## Work request
The lines below starting at the line containing "#153=IFCMATERIAL('Painted steel',$,'steel');" and ending at the line containing "from ifc_helpers import" are to be repeated exactly, with both ends kept and nothing else added.

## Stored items

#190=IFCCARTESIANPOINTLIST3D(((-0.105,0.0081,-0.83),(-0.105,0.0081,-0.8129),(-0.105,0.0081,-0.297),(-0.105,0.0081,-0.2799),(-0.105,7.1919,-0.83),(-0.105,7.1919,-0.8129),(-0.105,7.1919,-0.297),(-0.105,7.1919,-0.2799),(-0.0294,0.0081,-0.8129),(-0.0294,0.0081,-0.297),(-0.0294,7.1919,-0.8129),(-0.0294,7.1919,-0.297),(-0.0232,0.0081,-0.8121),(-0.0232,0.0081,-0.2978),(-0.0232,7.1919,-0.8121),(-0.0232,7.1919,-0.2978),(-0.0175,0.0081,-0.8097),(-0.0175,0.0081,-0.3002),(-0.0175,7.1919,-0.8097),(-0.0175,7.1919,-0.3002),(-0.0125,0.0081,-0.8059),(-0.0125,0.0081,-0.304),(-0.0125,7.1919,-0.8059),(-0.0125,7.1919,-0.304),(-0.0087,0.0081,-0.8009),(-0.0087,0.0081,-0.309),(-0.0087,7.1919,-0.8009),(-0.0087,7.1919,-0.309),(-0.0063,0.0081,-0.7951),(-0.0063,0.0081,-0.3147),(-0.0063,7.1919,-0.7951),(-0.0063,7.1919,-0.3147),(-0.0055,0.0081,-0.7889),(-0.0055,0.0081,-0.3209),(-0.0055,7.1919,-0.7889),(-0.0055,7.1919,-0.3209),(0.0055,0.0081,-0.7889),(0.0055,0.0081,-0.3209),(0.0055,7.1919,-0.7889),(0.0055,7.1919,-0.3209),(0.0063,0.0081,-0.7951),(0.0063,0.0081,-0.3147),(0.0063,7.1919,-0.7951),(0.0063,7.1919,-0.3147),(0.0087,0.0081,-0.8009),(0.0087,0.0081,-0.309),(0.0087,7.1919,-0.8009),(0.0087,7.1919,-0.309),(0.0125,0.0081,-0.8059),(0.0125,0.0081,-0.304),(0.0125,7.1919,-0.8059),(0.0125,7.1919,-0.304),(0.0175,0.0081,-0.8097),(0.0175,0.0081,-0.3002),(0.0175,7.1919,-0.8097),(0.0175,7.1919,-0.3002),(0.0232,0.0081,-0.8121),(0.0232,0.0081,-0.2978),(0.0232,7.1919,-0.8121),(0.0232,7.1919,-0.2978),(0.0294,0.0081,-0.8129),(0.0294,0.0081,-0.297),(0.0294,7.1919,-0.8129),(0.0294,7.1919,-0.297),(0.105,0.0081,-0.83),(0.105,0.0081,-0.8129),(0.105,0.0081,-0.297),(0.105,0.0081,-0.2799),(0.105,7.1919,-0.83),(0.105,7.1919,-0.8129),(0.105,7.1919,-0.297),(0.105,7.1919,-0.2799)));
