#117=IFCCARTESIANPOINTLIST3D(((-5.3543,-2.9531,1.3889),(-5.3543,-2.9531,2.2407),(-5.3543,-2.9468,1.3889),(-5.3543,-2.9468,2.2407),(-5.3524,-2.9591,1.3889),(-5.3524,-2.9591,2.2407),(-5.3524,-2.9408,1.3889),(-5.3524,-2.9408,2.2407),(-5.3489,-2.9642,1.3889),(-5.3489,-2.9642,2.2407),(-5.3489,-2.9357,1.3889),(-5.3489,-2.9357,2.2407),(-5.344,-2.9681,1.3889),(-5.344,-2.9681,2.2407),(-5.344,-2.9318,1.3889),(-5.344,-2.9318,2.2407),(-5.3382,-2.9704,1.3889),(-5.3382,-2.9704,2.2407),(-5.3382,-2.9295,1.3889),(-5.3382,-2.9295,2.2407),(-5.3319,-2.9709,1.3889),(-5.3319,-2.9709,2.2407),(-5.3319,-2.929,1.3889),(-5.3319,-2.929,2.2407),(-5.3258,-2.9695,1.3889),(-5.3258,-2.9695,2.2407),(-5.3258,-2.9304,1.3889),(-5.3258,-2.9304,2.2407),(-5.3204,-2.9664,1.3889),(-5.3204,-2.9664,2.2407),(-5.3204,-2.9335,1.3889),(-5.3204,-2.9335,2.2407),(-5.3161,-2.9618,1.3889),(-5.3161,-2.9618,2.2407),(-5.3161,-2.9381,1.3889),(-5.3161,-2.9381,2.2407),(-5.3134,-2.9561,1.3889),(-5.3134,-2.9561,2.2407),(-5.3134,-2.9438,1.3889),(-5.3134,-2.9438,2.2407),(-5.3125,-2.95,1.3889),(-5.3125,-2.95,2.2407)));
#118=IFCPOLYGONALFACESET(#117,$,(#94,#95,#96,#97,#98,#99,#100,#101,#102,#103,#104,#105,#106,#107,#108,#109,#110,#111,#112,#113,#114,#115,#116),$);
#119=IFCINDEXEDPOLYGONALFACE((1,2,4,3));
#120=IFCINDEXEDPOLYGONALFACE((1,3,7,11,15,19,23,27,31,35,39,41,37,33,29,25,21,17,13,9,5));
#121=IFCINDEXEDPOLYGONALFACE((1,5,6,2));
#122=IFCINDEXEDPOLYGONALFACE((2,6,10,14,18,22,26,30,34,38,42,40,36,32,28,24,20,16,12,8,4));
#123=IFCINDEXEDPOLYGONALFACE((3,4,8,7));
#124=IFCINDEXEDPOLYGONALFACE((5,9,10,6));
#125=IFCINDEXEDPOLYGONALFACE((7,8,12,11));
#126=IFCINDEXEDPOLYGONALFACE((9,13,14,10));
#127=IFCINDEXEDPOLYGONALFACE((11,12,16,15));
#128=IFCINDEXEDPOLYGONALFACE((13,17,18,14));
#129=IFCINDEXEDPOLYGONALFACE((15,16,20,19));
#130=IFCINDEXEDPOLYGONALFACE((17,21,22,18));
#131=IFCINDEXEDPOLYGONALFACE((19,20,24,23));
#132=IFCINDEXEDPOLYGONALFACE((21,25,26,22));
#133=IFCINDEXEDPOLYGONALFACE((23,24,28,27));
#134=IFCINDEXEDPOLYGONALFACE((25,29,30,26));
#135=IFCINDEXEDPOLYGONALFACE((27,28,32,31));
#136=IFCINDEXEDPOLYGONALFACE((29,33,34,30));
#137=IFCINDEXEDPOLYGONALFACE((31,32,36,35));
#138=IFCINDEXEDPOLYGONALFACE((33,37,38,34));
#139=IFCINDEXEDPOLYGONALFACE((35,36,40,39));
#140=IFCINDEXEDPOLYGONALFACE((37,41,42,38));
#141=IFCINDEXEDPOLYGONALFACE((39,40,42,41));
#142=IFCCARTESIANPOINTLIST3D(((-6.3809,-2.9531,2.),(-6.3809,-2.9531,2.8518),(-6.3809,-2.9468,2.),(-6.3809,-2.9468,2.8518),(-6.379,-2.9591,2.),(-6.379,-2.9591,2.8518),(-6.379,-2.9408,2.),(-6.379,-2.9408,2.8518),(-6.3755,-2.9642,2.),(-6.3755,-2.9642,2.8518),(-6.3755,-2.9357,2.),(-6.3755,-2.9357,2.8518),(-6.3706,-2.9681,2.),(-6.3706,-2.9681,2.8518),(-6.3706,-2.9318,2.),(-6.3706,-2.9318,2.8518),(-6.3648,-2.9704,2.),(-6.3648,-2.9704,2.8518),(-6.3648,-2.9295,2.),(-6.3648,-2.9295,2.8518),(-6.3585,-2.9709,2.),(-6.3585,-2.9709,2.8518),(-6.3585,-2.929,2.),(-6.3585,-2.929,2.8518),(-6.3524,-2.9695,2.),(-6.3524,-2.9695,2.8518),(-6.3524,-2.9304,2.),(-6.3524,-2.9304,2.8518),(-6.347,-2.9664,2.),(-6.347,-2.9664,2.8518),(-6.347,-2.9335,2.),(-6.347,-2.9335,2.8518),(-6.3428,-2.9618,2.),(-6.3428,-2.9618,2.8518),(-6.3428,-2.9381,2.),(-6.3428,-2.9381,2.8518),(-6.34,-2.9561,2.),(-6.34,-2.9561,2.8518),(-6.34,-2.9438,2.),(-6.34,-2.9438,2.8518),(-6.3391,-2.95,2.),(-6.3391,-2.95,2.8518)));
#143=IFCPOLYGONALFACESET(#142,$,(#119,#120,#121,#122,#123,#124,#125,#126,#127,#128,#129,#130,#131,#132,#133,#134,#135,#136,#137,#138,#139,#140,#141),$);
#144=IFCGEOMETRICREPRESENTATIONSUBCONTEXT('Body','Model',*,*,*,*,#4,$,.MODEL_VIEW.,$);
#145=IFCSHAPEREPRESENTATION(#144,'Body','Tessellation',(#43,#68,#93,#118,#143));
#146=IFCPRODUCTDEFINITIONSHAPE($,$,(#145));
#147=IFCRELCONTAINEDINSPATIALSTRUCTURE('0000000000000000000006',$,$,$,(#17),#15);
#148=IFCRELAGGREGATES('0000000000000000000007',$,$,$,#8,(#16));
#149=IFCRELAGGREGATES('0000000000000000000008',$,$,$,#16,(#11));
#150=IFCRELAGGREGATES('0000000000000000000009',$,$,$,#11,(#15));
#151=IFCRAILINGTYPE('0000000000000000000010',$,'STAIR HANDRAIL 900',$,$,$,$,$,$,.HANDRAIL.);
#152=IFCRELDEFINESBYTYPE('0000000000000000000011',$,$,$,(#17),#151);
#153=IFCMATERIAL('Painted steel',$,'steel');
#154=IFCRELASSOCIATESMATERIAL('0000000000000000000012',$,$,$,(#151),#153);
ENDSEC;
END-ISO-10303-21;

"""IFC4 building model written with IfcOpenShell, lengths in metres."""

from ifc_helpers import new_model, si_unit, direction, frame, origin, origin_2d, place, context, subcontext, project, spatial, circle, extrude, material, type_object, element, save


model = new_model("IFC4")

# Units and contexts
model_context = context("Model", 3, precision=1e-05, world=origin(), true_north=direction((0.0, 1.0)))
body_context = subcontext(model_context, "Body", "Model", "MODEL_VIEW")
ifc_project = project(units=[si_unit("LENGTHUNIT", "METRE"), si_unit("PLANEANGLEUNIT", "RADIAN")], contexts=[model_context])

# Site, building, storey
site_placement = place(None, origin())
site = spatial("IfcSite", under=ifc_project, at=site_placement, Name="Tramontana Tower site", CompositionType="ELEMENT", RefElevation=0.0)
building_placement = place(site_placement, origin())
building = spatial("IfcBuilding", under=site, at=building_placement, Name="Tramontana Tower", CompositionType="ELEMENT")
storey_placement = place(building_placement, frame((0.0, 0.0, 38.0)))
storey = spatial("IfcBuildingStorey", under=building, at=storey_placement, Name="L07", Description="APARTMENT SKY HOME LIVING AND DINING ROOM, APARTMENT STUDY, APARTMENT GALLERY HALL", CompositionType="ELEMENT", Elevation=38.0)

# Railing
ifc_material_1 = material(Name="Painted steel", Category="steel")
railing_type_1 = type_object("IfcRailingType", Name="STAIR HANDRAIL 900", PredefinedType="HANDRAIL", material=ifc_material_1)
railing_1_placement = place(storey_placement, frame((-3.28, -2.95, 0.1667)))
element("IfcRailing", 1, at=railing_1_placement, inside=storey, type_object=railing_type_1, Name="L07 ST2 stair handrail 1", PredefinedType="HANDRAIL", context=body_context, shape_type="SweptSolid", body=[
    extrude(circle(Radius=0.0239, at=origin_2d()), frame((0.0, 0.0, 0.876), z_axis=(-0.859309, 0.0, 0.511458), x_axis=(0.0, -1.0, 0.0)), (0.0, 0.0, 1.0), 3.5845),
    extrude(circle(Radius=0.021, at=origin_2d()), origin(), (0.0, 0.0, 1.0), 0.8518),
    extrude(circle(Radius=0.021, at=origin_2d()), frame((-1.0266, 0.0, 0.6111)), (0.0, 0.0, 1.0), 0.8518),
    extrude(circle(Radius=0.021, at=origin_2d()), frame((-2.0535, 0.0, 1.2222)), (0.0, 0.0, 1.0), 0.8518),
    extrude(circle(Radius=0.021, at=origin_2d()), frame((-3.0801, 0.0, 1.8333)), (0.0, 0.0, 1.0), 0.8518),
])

## Answer space
#153=IFCMATERIAL('Painted steel',$,'steel');
#154=IFCRELASSOCIATESMATERIAL('0000000000000000000012',$,$,$,(#151),#153);
ENDSEC;
END-ISO-10303-21;

"""IFC4 building model written with IfcOpenShell, lengths in metres."""

from ifc_helpers import new_model, si_unit, direction, frame, origin, origin_2d, place, context, subcontext, project, spatial, circle, extrude, material, type_object, element, save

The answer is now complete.